(Collected data)
**********
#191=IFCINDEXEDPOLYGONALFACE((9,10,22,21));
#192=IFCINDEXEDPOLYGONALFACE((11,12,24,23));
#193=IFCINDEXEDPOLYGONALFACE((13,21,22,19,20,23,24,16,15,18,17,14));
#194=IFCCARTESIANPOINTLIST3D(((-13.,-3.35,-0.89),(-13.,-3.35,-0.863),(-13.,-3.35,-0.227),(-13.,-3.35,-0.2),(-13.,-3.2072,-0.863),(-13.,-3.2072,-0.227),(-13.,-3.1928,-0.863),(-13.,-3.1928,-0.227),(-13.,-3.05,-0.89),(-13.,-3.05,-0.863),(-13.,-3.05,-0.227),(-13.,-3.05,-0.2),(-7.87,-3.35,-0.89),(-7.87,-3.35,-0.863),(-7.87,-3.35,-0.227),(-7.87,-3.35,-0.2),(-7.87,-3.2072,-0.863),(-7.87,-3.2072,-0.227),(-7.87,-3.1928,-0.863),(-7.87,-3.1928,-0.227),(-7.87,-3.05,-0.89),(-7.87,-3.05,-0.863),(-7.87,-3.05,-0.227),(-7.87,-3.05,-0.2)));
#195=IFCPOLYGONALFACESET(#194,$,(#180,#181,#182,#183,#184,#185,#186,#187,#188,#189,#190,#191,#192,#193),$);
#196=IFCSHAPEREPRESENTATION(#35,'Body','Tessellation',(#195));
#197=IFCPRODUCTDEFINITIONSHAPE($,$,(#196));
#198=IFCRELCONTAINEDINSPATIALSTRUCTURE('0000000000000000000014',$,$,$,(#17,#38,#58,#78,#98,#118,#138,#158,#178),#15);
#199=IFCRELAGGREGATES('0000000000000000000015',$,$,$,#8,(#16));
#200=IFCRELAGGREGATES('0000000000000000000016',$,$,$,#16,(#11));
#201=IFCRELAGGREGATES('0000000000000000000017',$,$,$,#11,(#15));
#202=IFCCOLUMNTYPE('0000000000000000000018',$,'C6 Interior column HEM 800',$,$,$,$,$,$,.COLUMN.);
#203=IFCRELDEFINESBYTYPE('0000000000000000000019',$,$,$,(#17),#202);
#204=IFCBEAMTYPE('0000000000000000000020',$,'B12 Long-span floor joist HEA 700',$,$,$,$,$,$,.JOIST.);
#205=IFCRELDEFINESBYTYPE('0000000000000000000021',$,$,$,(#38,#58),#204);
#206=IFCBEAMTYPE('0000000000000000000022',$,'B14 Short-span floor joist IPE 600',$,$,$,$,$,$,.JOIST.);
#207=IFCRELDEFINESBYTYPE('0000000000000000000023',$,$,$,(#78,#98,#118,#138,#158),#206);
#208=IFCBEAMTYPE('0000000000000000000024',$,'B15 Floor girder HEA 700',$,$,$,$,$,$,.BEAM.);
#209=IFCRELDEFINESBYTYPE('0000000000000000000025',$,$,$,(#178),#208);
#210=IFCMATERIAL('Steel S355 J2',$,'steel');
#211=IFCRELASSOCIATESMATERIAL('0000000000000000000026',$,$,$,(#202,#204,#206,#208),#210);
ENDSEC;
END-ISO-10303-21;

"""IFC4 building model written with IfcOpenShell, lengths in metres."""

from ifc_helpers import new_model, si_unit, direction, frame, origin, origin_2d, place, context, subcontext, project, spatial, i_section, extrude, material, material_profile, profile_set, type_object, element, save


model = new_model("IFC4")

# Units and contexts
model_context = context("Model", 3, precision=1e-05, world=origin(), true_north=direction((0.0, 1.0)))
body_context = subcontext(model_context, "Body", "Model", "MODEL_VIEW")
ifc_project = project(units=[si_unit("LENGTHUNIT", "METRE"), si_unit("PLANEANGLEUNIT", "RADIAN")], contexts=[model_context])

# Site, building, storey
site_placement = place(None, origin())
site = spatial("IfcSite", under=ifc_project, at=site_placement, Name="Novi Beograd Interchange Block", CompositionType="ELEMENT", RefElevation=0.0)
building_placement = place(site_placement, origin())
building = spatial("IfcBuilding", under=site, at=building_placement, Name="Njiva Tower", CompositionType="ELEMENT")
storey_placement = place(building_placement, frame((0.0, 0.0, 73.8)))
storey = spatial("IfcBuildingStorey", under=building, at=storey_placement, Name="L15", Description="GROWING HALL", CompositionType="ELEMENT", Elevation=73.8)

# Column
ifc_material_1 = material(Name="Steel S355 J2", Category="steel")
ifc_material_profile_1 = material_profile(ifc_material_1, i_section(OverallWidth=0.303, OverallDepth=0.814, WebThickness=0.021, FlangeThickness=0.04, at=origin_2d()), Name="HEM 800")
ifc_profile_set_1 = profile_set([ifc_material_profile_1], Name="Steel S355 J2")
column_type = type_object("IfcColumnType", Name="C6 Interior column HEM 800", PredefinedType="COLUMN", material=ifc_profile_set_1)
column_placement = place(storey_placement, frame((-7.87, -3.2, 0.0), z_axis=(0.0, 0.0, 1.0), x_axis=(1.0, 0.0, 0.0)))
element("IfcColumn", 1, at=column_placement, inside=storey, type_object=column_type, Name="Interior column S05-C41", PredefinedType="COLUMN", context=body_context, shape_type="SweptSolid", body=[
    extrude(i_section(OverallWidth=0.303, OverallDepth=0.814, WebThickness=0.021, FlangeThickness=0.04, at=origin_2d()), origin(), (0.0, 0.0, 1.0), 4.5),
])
**********
### [About this task]
Please copy, word for word, every line from the first line of the records through the line containing "building model written", with both of those lines included and nothing else.

### [Answer below]
#191=IFCINDEXEDPOLYGONALFACE((9,10,22,21));
#192=IFCINDEXEDPOLYGONALFACE((11,12,24,23));
#193=IFCINDEXEDPOLYGONALFACE((13,21,22,19,20,23,24,16,15,18,17,14));
#194=IFCCARTESIANPOINTLIST3D(((-13.,-3.35,-0.89),(-13.,-3.35,-0.863),(-13.,-3.35,-0.227),(-13.,-3.35,-0.2),(-13.,-3.2072,-0.863),(-13.,-3.2072,-0.227),(-13.,-3.1928,-0.863),(-13.,-3.1928,-0.227),(-13.,-3.05,-0.89),(-13.,-3.05,-0.863),(-13.,-3.05,-0.227),(-13.,-3.05,-0.2),(-7.87,-3.35,-0.89),(-7.87,-3.35,-0.863),(-7.87,-3.35,-0.227),(-7.87,-3.35,-0.2),(-7.87,-3.2072,-0.863),(-7.87,-3.2072,-0.227),(-7.87,-3.1928,-0.863),(-7.87,-3.1928,-0.227),(-7.87,-3.05,-0.89),(-7.87,-3.05,-0.863),(-7.87,-3.05,-0.227),(-7.87,-3.05,-0.2)));
#195=IFCPOLYGONALFACESET(#194,$,(#180,#181,#182,#183,#184,#185,#186,#187,#188,#189,#190,#191,#192,#193),$);
#196=IFCSHAPEREPRESENTATION(#35,'Body','Tessellation',(#195));
#197=IFCPRODUCTDEFINITIONSHAPE($,$,(#196));
#198=IFCRELCONTAINEDINSPATIALSTRUCTURE('0000000000000000000014',$,$,$,(#17,#38,#58,#78,#98,#118,#138,#158,#178),#15);
#199=IFCRELAGGREGATES('0000000000000000000015',$,$,$,#8,(#16));
#200=IFCRELAGGREGATES('0000000000000000000016',$,$,$,#16,(#11));
#201=IFCRELAGGREGATES('0000000000000000000017',$,$,$,#11,(#15));
#202=IFCCOLUMNTYPE('0000000000000000000018',$,'C6 Interior column HEM 800',$,$,$,$,$,$,.COLUMN.);
#203=IFCRELDEFINESBYTYPE('0000000000000000000019',$,$,$,(#17),#202);
#204=IFCBEAMTYPE('0000000000000000000020',$,'B12 Long-span floor joist HEA 700',$,$,$,$,$,$,.JOIST.);
#205=IFCRELDEFINESBYTYPE('0000000000000000000021',$,$,$,(#38,#58),#204);
#206=IFCBEAMTYPE('0000000000000000000022',$,'B14 Short-span floor joist IPE 600',$,$,$,$,$,$,.JOIST.);
#207=IFCRELDEFINESBYTYPE('0000000000000000000023',$,$,$,(#78,#98,#118,#138,#158),#206);
#208=IFCBEAMTYPE('0000000000000000000024',$,'B15 Floor girder HEA 700',$,$,$,$,$,$,.BEAM.);
#209=IFCRELDEFINESBYTYPE('0000000000000000000025',$,$,$,(#178),#208);
#210=IFCMATERIAL('Steel S355 J2',$,'steel');
#211=IFCRELASSOCIATESMATERIAL('0000000000000000000026',$,$,$,(#202,#204,#206,#208),#210);
ENDSEC;
END-ISO-10303-21;

"""IFC4 building model written with IfcOpenShell, lengths in metres."""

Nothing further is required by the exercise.